### EXERCISE AIM
Pick out the lines below that include the string "IFCSHAPEREPRESENTATION".

### DATASET ENTRIES

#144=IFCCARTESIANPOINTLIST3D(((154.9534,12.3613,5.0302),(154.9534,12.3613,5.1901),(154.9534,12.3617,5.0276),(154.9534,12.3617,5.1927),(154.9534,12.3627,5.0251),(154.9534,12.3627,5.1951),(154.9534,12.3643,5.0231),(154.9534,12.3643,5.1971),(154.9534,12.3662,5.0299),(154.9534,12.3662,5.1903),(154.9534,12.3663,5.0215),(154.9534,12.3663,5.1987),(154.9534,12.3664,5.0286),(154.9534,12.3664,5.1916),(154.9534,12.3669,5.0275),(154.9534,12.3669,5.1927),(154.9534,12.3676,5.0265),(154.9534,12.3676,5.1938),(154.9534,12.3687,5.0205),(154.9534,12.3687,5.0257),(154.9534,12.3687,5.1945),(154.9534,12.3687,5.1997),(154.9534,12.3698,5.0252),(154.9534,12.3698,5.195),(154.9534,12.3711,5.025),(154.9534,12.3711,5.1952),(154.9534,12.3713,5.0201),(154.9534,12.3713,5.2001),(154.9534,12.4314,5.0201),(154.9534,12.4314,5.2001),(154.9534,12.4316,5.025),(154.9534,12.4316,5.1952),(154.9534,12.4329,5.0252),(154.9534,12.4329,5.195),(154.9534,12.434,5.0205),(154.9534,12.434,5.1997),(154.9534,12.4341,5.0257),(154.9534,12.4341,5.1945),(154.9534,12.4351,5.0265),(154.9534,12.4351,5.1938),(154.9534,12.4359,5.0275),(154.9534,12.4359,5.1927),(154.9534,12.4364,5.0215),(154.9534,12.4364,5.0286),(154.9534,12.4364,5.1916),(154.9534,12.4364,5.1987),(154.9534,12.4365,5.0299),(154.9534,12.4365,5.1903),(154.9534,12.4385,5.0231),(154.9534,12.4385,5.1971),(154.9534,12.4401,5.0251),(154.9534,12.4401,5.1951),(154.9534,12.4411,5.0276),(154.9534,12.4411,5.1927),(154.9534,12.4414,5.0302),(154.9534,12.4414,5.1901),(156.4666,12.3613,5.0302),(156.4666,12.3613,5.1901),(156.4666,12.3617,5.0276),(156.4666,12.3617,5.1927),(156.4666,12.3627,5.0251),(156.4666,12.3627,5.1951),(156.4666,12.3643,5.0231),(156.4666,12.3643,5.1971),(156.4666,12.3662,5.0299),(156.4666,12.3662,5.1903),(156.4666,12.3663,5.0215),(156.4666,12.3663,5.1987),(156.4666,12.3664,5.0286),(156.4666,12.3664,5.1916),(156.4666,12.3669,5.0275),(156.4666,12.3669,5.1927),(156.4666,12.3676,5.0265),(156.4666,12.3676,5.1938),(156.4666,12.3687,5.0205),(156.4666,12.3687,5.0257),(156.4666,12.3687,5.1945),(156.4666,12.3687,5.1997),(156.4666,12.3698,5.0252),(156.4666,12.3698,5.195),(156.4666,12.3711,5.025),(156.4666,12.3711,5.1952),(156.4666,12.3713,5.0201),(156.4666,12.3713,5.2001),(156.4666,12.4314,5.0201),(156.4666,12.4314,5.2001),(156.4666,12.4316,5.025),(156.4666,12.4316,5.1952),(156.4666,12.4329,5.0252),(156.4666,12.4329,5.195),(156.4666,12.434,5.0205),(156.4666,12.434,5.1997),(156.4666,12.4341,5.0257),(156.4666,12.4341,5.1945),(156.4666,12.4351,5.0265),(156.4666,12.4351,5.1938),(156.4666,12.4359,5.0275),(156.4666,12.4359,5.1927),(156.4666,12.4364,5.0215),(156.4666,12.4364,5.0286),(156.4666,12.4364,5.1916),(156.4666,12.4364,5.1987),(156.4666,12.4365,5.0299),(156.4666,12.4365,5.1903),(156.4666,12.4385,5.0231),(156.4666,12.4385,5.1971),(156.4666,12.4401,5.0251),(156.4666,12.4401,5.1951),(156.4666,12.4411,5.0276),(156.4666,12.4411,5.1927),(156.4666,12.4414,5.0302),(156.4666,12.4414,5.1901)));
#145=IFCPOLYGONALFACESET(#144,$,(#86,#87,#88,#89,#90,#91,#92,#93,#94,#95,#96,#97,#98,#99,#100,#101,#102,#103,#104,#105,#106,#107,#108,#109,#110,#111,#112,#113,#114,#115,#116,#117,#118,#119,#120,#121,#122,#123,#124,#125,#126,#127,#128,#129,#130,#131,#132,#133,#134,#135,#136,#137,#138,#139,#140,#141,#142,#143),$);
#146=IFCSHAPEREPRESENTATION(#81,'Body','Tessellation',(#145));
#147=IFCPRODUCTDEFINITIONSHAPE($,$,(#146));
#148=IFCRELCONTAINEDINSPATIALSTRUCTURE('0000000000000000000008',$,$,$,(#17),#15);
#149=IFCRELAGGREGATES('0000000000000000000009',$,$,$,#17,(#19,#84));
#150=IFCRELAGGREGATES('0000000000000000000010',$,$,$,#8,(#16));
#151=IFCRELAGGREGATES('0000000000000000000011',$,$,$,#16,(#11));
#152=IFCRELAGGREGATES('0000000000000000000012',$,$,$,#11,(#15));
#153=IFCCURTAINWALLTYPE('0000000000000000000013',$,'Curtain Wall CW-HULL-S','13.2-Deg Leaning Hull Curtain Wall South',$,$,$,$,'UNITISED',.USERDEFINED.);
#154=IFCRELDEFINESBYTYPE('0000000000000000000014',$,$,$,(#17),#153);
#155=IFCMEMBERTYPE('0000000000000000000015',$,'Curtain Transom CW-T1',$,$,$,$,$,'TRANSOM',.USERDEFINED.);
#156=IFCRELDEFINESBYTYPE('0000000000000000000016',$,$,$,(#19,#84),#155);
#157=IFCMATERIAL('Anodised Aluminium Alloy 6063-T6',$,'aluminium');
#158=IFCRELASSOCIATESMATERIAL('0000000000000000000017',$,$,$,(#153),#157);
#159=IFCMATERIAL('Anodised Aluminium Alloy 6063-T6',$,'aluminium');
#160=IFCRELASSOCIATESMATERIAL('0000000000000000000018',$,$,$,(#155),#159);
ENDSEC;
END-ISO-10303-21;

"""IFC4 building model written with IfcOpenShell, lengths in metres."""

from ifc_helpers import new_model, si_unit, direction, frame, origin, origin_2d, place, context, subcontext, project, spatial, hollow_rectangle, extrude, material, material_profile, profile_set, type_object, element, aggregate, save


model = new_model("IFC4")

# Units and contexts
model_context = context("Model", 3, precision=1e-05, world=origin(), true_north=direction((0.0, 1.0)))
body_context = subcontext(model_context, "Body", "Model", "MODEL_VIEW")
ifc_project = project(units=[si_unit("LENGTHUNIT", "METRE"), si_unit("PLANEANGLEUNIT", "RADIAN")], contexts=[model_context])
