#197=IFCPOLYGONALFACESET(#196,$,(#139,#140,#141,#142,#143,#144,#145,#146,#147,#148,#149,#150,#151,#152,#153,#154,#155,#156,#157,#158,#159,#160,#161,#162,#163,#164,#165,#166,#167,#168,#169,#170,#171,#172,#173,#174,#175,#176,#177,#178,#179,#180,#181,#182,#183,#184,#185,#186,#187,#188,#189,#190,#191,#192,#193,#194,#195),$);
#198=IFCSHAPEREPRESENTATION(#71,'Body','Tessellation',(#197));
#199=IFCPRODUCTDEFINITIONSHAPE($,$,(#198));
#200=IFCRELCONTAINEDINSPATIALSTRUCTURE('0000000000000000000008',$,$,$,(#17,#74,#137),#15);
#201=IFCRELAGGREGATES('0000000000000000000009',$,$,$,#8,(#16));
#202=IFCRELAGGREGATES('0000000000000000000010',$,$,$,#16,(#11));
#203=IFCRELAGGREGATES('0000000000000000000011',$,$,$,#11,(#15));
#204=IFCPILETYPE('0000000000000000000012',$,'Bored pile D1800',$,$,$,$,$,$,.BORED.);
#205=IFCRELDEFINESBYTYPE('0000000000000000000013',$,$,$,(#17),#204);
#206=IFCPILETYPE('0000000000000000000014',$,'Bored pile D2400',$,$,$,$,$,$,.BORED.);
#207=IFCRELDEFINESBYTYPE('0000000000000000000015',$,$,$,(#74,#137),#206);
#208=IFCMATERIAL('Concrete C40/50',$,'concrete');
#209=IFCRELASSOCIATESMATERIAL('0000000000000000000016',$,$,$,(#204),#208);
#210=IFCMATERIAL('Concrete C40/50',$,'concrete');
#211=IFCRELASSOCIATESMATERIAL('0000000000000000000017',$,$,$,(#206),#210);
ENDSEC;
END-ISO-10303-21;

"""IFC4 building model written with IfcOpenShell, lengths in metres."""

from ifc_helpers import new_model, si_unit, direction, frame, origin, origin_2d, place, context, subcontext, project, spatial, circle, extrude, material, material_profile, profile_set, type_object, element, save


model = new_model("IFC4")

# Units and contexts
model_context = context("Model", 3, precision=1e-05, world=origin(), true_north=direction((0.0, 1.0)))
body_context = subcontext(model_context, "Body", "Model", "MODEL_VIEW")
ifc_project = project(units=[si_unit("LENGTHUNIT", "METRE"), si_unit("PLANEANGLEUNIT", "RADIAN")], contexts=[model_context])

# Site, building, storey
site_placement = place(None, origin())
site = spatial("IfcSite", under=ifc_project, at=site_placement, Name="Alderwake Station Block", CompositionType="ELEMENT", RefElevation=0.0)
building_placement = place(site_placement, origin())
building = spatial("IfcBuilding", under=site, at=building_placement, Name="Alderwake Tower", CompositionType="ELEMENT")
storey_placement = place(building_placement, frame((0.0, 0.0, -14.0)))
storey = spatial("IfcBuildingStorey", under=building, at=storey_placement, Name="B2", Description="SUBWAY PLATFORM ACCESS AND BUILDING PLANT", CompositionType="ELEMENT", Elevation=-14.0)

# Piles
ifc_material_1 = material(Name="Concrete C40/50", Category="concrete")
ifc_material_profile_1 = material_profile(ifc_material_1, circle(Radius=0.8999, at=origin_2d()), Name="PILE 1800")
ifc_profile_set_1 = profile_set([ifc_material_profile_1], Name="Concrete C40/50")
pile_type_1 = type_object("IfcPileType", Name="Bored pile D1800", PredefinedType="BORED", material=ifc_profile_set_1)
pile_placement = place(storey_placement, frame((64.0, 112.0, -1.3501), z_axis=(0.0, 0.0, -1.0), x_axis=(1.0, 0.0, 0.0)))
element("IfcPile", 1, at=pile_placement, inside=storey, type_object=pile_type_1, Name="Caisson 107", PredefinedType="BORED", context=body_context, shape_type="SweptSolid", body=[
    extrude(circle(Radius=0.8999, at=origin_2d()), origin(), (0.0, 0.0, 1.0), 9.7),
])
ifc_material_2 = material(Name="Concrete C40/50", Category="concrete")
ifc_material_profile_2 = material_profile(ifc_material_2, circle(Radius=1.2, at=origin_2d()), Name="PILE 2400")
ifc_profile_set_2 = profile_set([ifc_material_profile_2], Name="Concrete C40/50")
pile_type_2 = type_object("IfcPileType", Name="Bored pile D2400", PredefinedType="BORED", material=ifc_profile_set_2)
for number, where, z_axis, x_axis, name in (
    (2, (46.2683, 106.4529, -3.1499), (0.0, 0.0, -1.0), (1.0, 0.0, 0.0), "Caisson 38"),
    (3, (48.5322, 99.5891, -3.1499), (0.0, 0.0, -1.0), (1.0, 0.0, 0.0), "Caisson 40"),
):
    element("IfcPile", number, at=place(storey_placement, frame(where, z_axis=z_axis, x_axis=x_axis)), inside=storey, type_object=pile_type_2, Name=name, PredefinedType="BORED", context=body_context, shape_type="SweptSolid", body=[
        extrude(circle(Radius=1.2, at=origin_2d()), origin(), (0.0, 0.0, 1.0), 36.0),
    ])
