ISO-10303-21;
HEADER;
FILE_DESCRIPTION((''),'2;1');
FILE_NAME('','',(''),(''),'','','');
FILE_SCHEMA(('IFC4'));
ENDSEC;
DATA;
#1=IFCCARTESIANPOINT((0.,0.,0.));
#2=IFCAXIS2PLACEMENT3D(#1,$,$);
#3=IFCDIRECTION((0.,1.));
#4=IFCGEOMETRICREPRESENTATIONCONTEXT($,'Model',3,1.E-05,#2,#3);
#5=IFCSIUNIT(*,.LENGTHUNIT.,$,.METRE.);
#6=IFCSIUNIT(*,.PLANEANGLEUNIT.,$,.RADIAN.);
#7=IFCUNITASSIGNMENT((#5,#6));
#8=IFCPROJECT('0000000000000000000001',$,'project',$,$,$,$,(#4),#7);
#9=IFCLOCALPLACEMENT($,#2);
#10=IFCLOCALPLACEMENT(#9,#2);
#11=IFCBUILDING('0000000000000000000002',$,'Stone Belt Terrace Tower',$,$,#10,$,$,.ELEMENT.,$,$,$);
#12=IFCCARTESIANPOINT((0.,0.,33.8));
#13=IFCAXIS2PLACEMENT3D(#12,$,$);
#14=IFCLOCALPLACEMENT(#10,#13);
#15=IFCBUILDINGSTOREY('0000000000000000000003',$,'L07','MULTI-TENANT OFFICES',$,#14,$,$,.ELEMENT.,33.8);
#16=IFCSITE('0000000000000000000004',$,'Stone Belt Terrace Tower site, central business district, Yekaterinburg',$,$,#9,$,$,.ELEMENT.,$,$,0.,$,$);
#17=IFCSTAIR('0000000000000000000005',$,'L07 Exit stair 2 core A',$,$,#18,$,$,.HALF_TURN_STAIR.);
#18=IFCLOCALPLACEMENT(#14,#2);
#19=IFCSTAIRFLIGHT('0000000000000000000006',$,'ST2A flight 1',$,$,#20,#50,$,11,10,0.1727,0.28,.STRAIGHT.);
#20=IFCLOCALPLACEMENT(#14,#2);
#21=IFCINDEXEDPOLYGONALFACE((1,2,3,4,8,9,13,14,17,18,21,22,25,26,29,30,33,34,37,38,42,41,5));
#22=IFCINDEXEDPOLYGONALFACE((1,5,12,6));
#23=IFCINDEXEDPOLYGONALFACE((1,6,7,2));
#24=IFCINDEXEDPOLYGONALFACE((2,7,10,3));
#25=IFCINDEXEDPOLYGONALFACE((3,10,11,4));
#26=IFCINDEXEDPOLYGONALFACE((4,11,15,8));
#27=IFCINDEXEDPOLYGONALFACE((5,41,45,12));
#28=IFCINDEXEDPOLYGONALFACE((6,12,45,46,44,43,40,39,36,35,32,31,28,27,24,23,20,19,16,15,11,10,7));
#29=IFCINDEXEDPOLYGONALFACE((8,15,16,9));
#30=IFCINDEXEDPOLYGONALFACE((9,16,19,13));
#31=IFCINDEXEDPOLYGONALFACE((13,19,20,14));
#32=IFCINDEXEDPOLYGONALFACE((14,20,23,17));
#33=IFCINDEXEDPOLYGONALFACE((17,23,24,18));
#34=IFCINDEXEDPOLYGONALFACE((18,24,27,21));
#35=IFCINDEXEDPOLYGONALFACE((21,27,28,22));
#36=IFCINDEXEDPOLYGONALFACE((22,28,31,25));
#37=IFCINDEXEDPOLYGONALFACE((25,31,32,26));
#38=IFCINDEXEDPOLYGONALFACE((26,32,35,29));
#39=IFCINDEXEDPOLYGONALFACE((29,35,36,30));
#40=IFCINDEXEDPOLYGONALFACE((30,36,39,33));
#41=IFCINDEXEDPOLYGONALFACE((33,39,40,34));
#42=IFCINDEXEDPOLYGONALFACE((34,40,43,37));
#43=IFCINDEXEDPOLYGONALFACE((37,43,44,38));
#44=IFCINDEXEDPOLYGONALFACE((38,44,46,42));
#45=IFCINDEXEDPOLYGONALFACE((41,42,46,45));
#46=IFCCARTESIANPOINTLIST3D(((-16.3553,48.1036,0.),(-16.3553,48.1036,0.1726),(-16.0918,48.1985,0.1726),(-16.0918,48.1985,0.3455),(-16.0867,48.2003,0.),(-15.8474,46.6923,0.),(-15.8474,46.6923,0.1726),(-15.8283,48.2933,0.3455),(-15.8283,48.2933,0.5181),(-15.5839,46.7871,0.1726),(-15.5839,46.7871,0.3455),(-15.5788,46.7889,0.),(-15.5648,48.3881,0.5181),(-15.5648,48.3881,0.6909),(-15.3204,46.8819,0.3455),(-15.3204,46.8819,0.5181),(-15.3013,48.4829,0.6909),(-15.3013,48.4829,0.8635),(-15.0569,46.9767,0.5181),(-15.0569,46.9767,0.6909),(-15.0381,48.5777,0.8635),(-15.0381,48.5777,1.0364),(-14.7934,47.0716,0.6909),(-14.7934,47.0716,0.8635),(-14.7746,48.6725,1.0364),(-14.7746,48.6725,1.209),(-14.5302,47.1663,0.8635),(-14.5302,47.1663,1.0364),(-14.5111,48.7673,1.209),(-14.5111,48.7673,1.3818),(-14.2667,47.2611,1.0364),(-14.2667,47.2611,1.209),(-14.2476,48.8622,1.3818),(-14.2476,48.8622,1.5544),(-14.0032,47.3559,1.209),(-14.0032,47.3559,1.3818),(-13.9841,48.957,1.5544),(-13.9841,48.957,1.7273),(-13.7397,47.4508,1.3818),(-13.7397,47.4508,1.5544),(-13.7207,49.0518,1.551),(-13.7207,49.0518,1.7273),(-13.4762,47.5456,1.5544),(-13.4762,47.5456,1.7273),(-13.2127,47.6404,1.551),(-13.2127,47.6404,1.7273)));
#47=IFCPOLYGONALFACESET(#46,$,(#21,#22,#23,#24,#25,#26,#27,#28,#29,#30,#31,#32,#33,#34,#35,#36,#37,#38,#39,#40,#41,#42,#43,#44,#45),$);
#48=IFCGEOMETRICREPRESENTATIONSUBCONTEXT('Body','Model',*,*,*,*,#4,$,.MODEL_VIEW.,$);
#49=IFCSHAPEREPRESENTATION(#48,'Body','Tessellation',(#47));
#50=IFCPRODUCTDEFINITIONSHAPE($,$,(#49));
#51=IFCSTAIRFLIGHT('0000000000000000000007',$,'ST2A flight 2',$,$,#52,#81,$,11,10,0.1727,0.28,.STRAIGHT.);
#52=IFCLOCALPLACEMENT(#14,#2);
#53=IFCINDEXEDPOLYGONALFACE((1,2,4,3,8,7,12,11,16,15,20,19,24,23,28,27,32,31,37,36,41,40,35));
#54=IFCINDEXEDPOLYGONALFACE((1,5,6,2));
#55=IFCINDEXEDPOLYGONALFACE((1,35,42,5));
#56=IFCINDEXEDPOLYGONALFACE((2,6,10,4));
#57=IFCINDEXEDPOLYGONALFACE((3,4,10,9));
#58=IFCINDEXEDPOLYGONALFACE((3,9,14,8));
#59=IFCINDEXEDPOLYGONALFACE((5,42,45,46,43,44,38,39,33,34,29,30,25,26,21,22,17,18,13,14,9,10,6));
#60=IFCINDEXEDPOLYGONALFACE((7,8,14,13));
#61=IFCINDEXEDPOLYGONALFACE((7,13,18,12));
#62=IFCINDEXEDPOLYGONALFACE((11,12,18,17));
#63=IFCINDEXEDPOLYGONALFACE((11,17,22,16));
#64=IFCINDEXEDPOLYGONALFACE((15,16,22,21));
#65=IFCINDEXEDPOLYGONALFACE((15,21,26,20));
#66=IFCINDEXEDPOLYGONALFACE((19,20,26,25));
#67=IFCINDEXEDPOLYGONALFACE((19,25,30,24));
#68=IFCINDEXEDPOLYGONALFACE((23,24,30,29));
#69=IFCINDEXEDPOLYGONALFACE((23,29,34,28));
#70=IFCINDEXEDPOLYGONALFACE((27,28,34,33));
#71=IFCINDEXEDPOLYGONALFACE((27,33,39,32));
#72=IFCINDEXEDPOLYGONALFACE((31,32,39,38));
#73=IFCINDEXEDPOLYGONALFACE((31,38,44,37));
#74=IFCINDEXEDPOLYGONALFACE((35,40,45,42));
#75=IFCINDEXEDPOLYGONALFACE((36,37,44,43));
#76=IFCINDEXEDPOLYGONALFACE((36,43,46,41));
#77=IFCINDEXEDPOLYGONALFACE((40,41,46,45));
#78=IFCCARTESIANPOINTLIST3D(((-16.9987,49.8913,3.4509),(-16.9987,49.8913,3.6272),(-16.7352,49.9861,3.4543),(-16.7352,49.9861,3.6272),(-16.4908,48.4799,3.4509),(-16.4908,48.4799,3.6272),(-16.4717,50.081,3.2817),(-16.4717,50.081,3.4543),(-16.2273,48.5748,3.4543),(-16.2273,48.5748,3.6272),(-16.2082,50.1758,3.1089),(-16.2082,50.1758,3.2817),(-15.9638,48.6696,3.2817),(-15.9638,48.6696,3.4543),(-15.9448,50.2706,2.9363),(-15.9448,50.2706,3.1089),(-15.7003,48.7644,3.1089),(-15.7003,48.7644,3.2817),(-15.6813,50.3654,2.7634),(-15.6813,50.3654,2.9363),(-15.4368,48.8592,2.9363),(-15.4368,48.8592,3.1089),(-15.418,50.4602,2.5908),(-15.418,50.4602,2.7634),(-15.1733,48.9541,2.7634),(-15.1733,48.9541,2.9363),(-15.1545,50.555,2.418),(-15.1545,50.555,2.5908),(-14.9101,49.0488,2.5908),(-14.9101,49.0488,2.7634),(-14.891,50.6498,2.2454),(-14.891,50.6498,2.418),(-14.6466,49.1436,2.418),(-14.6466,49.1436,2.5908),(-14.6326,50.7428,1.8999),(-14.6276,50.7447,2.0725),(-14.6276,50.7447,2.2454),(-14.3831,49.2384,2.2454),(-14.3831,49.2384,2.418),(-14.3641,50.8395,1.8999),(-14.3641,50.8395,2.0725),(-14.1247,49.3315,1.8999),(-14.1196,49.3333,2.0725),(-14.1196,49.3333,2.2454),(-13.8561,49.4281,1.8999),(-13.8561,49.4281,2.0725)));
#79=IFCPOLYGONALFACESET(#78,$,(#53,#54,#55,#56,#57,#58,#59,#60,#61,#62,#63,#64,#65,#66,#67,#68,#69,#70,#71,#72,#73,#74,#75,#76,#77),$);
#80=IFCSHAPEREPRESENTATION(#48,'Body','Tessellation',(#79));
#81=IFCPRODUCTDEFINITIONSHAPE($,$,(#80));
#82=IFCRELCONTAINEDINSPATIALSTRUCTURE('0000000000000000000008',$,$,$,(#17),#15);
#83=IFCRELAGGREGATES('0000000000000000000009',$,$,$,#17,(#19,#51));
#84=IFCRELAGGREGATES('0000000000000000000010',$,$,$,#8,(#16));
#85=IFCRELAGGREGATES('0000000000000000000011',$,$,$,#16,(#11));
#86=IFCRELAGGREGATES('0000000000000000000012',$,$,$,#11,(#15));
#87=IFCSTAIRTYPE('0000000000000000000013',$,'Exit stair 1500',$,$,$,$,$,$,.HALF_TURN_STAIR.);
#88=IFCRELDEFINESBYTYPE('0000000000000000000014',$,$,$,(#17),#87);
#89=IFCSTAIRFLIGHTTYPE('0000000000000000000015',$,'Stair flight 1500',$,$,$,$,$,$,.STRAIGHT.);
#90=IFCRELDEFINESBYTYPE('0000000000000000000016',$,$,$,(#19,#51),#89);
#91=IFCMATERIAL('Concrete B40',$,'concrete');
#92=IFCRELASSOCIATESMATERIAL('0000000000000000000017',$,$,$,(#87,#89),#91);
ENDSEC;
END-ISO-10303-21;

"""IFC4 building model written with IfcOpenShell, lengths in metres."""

from ifc_helpers import new_model, si_unit, direction, frame, origin, place, context, subcontext, project, spatial, polyline, outline, extrude, material, type_object, element, aggregate, save


model = new_model("IFC4")

# Units and contexts
model_context = context("Model", 3, precision=1e-05, world=origin(), true_north=direction((0.0, 1.0)))
body_context = subcontext(model_context, "Body", "Model", "MODEL_VIEW")
ifc_project = project(units=[si_unit("LENGTHUNIT", "METRE"), si_unit("PLANEANGLEUNIT", "RADIAN")], contexts=[model_context])

# Site, building, storey
site_placement = place(None, origin())
site = spatial("IfcSite", under=ifc_project, at=site_placement, Name="Stone Belt Terrace Tower site, central business district, Yekaterinburg", CompositionType="ELEMENT", RefElevation=0.0)
building_placement = place(site_placement, origin())
building = spatial("IfcBuilding", under=site, at=building_placement, Name="Stone Belt Terrace Tower", CompositionType="ELEMENT")
storey_placement = place(building_placement, frame((0.0, 0.0, 33.8)))
storey = spatial("IfcBuildingStorey", under=building, at=storey_placement, Name="L07", Description="MULTI-TENANT OFFICES", CompositionType="ELEMENT", Elevation=33.8)

# Stair, stair flights
ifc_material_1 = material(Name="Concrete B40", Category="concrete")
stair_type = type_object("IfcStairType", Name="Exit stair 1500", PredefinedType="HALF_TURN_STAIR", material=ifc_material_1)
stair_placement = place(storey_placement, origin())
stair = element("IfcStair", 1, at=stair_placement, inside=storey, type_object=stair_type, Name="L07 Exit stair 2 core A", PredefinedType="HALF_TURN_STAIR")
stair_flight_type = type_object("IfcStairFlightType", Name="Stair flight 1500", PredefinedType="STRAIGHT", material=ifc_material_1)
stair_flight_1_placement = place(storey_placement, frame((-16.1013, 47.3979, 0.0), z_axis=(0.0, 0.0, 1.0), x_axis=(0.940922, 0.338624, 0.0)))
stair_flight_1 = element("IfcStairFlight", 2, at=stair_flight_1_placement, type_object=stair_flight_type, Name="ST2A flight 1", NumberOfRisers=11, NumberOfTreads=10, PredefinedType="STRAIGHT", RiserHeight=0.1727, TreadLength=0.28, context=body_context, shape_type="SweptSolid", body=[
    extrude(outline(polyline([(0.0, 0.0), (0.0, 0.1726), (0.28, 0.1726), (0.28, 0.3455), (0.5601, 0.3455), (0.5601, 0.5181), (0.8401, 0.5181), (0.8401, 0.6909), (1.1201, 0.6909), (1.1201, 0.8635), (1.3999, 0.8635), (1.3999, 1.0364), (1.6799, 1.0364), (1.6799, 1.209), (1.96, 1.209), (1.96, 1.3818), (2.24, 1.3818), (2.24, 1.5544), (2.52, 1.5544), (2.52, 1.7273), (2.8, 1.7273), (2.8, 1.8999), (2.8, 1.551), (0.2854, 0.0), (0.0, 0.0)])), frame((0.0, 0.75, 0.0), z_axis=(0.0, -1.0, 0.0), x_axis=(1.0, 0.0, 0.0)), (0.0, 0.0, 1.0), 1.5),
])
stair_flight_2_placement = place(storey_placement, frame((-14.1101, 50.1338, 1.8999), z_axis=(0.0, 0.0, 1.0), x_axis=(-0.940922, -0.338624, 0.0)))
stair_flight_2 = element("IfcStairFlight", 3, at=stair_flight_2_placement, type_object=stair_flight_type, Name="ST2A flight 2", NumberOfRisers=11, NumberOfTreads=10, PredefinedType="STRAIGHT", RiserHeight=0.1727, TreadLength=0.28, context=body_context, shape_type="SweptSolid", body=[
    extrude(outline(polyline([(0.0, 0.0), (0.0, 0.1726), (0.28, 0.1726), (0.28, 0.3455), (0.5601, 0.3455), (0.5601, 0.5181), (0.8401, 0.5181), (0.8401, 0.6909), (1.1201, 0.6909), (1.1201, 0.8635), (1.3999, 0.8635), (1.3999, 1.0364), (1.6799, 1.0364), (1.6799, 1.209), (1.96, 1.209), (1.96, 1.3818), (2.24, 1.3818), (2.24, 1.5544), (2.52, 1.5544), (2.52, 1.7273), (2.8, 1.7273), (2.8, 1.8999), (2.8, 1.551), (0.2854, 0.0), (0.0, 0.0)])), frame((0.0, 0.75, 0.0), z_axis=(0.0, -1.0, 0.0), x_axis=(1.0, 0.0, 0.0)), (0.0, 0.0, 1.0), 1.5),
])
aggregate(stair, [stair_flight_1, stair_flight_2])

save(model, "model.ifc")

### EXERCISE ANSWER
#146=IFCSHAPEREPRESENTATION(#81,'Body','Tessellation',(#145));
#198=IFCSHAPEREPRESENTATION(#71,'Body','Tessellation',(#197));
#49=IFCSHAPEREPRESENTATION(#48,'Body','Tessellation',(#47));
#80=IFCSHAPEREPRESENTATION(#48,'Body','Tessellation',(#79));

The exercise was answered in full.